Entries taken from a collection
◇ ◇ ◇ ◇

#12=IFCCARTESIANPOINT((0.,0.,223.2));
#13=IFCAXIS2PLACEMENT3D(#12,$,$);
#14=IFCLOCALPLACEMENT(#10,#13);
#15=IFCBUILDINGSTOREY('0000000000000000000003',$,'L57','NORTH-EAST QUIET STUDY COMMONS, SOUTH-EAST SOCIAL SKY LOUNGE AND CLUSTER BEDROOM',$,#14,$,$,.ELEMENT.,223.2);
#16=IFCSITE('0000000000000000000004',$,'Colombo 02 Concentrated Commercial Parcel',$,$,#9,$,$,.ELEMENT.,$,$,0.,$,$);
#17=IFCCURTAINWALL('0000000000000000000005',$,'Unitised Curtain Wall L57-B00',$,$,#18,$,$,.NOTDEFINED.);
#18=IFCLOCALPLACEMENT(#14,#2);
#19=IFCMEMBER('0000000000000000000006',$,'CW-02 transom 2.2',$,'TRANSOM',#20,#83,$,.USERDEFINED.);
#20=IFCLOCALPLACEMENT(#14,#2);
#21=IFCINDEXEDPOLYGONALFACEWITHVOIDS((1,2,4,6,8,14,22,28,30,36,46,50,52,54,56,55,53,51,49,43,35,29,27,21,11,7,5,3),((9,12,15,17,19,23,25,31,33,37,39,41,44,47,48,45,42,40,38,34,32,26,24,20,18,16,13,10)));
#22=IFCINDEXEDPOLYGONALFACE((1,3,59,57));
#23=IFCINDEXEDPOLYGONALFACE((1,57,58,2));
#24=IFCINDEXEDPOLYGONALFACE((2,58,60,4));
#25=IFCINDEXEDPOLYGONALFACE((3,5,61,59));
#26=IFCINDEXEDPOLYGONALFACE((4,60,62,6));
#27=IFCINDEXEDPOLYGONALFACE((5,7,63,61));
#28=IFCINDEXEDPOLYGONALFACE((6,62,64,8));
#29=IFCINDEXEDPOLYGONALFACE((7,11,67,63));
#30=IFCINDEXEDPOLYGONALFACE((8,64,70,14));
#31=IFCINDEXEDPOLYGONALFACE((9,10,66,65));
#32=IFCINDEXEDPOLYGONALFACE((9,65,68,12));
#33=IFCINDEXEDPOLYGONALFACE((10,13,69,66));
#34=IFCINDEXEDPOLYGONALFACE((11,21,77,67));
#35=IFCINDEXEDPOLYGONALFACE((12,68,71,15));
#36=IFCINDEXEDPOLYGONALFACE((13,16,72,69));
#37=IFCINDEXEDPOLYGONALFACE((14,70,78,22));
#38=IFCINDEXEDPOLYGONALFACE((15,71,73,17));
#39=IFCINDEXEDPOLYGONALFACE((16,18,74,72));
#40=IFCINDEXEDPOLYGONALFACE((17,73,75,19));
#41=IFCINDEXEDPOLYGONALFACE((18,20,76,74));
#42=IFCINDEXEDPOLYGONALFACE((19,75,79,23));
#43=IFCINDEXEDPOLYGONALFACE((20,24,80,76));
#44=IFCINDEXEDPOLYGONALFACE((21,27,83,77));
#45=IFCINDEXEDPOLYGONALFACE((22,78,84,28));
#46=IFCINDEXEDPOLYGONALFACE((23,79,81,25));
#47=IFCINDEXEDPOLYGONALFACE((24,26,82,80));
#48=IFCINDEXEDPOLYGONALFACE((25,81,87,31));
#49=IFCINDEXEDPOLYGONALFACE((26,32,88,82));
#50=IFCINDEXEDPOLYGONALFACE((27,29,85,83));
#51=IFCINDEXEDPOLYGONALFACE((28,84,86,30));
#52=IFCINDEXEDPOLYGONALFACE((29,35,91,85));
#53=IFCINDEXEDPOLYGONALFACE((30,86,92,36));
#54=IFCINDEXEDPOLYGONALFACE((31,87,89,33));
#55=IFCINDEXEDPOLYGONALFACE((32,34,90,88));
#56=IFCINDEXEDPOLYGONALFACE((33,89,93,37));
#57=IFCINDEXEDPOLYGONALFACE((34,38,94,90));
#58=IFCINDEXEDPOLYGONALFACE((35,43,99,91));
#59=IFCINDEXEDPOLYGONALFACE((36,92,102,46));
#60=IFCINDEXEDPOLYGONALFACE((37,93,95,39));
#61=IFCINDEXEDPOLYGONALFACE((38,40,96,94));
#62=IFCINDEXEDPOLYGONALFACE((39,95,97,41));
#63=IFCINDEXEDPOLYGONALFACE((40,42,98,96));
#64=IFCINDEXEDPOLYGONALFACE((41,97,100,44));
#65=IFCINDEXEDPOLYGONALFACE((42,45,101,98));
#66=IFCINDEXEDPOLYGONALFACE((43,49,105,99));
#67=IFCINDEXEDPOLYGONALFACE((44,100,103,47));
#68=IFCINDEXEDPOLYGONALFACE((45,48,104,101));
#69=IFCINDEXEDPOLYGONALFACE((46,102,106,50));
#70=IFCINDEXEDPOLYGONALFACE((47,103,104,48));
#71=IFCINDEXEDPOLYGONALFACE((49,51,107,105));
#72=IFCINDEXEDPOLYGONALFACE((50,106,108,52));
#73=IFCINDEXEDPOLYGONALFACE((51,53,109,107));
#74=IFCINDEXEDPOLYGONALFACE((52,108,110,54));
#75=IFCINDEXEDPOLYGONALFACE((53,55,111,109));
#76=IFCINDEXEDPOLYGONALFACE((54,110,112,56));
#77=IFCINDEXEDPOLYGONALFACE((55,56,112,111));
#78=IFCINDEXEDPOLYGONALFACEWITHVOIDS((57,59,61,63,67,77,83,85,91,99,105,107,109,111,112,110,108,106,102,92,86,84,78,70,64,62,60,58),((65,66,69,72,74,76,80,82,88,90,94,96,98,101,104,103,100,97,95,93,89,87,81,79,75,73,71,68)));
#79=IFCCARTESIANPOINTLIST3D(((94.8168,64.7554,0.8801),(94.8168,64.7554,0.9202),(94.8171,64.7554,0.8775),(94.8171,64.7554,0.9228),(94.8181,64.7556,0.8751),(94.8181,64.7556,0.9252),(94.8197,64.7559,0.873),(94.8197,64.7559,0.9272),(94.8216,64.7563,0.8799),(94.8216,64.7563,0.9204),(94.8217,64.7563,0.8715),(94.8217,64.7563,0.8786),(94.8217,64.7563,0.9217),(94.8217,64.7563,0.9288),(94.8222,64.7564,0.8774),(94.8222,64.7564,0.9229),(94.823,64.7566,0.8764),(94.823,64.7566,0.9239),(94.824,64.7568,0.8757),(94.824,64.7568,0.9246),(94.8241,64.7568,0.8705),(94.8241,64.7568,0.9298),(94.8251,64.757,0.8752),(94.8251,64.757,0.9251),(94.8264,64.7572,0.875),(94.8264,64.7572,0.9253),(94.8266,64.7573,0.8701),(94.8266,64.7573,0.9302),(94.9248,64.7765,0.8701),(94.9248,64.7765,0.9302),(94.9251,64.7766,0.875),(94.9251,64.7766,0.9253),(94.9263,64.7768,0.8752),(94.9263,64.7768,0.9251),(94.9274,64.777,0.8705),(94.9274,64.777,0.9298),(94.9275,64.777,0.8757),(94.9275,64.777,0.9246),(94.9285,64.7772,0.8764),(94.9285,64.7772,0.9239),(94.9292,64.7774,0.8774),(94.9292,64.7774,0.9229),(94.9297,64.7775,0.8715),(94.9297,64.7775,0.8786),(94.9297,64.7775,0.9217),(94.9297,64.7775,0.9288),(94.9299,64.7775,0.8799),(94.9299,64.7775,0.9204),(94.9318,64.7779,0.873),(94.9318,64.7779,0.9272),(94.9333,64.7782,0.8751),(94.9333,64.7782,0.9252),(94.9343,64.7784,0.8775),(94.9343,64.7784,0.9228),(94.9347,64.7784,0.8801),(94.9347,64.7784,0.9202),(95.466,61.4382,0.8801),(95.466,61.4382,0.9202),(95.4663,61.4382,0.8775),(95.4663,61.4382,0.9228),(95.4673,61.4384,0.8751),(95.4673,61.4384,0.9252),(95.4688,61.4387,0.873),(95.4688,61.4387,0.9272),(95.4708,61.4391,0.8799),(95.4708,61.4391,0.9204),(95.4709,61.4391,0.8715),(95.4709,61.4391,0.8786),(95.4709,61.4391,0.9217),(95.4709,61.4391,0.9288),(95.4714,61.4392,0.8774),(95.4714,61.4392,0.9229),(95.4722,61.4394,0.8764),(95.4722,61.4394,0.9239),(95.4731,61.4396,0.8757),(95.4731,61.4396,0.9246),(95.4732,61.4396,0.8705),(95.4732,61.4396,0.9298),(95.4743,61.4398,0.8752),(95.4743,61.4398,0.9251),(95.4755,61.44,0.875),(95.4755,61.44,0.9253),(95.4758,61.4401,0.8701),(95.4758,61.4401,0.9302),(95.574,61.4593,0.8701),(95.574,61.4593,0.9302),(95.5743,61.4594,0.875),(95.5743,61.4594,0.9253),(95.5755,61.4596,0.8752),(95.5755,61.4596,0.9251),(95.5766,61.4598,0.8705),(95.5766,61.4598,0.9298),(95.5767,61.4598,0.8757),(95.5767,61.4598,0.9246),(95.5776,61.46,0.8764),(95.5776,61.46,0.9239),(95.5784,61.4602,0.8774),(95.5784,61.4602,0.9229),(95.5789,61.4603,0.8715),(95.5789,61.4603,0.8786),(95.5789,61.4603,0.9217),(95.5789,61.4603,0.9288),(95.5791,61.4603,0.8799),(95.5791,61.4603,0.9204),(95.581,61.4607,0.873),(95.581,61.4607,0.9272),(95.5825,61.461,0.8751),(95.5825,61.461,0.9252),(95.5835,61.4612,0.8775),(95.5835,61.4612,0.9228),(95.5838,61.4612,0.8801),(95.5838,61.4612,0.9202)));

◇ ◇ ◇ ◇

◆ **TASK OBJECTIVE**: Take exactly the lines from the one containing "#68=IFCINDEXEDPOLYGONALFACE((45,48,104,101));" through the one containing "#77=IFCINDEXEDPOLYGONALFACE((55,56,112,111));" in the data above, and output them with nothing added.

◆ **RESULT FOR THIS EXERCISE**:
#68=IFCINDEXEDPOLYGONALFACE((45,48,104,101));
#69=IFCINDEXEDPOLYGONALFACE((46,102,106,50));
#70=IFCINDEXEDPOLYGONALFACE((47,103,104,48));
#71=IFCINDEXEDPOLYGONALFACE((49,51,107,105));
#72=IFCINDEXEDPOLYGONALFACE((50,106,108,52));
#73=IFCINDEXEDPOLYGONALFACE((51,53,109,107));
#74=IFCINDEXEDPOLYGONALFACE((52,108,110,54));
#75=IFCINDEXEDPOLYGONALFACE((53,55,111,109));
#76=IFCINDEXEDPOLYGONALFACE((54,110,112,56));
#77=IFCINDEXEDPOLYGONALFACE((55,56,112,111));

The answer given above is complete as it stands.